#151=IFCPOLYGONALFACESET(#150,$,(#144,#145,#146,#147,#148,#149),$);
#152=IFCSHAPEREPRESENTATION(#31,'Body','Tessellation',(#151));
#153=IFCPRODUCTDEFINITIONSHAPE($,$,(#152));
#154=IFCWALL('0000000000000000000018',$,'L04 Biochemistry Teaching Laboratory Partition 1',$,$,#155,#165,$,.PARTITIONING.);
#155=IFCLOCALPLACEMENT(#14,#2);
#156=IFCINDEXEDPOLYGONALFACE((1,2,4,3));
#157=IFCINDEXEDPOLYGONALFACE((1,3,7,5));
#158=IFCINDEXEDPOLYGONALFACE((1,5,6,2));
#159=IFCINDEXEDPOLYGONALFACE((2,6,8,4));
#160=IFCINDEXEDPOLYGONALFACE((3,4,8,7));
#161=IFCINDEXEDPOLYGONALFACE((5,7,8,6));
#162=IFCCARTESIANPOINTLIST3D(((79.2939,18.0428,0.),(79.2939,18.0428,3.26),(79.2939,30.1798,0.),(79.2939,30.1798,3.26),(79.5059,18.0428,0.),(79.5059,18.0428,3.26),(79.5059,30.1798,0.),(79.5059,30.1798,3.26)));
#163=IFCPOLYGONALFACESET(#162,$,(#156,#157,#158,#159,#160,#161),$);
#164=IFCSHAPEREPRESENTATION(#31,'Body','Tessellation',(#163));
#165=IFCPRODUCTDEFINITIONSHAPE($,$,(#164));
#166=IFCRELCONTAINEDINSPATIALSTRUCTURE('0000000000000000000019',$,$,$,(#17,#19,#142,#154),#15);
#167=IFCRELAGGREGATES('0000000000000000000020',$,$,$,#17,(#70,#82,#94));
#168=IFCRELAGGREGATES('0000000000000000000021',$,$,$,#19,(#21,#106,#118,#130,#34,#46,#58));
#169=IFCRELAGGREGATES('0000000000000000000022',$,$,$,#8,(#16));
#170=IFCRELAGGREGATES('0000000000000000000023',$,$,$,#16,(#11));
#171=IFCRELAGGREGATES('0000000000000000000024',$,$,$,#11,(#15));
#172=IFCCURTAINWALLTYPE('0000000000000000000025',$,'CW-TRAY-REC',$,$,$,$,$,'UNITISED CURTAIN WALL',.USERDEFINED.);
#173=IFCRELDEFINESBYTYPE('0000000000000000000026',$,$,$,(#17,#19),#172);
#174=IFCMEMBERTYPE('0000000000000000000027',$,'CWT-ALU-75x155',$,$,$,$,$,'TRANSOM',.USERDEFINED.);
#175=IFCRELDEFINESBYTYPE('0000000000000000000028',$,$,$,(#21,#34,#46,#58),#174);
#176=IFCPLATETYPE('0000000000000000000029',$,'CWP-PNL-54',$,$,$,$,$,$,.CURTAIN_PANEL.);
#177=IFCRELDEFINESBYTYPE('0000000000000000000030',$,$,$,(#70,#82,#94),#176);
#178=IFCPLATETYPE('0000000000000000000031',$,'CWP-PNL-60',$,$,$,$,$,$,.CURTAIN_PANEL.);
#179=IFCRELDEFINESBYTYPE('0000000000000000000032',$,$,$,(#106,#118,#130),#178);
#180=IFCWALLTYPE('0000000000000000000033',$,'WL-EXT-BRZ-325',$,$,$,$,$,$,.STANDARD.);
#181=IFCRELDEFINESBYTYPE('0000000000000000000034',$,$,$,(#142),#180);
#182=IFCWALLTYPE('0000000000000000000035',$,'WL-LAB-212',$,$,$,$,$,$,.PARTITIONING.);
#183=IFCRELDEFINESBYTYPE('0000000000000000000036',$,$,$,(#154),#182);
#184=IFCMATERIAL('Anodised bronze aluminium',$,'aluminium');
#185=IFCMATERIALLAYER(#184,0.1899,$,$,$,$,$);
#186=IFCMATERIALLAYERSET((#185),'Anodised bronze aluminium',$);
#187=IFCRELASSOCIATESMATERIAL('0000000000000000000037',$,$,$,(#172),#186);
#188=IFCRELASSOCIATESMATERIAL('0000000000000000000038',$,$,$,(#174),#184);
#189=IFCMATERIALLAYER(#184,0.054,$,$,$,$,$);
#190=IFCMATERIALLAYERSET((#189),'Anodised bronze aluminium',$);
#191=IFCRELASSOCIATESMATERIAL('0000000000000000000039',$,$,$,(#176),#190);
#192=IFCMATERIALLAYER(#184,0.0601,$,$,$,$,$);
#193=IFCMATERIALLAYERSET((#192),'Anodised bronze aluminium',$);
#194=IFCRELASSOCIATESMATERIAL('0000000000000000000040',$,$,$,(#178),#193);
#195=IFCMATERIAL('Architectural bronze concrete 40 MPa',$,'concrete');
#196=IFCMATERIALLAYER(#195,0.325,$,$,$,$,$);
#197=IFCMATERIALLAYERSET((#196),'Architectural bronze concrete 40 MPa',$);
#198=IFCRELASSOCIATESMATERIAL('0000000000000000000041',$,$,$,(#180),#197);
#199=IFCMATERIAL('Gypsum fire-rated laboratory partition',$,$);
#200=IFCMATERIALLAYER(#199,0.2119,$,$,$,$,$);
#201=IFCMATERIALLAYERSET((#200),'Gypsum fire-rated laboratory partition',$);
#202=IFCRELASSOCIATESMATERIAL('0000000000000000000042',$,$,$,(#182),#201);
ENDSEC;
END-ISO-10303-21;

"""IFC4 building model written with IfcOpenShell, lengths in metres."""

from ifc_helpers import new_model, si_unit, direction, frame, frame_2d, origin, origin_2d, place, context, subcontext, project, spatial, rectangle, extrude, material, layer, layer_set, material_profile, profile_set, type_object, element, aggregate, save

# [Your assignment]
Report all lines of the data above that include the string "IFCPLATETYPE".

# [Solution for this task]
#176=IFCPLATETYPE('0000000000000000000029',$,'CWP-PNL-54',$,$,$,$,$,$,.CURTAIN_PANEL.);
#178=IFCPLATETYPE('0000000000000000000031',$,'CWP-PNL-60',$,$,$,$,$,$,.CURTAIN_PANEL.);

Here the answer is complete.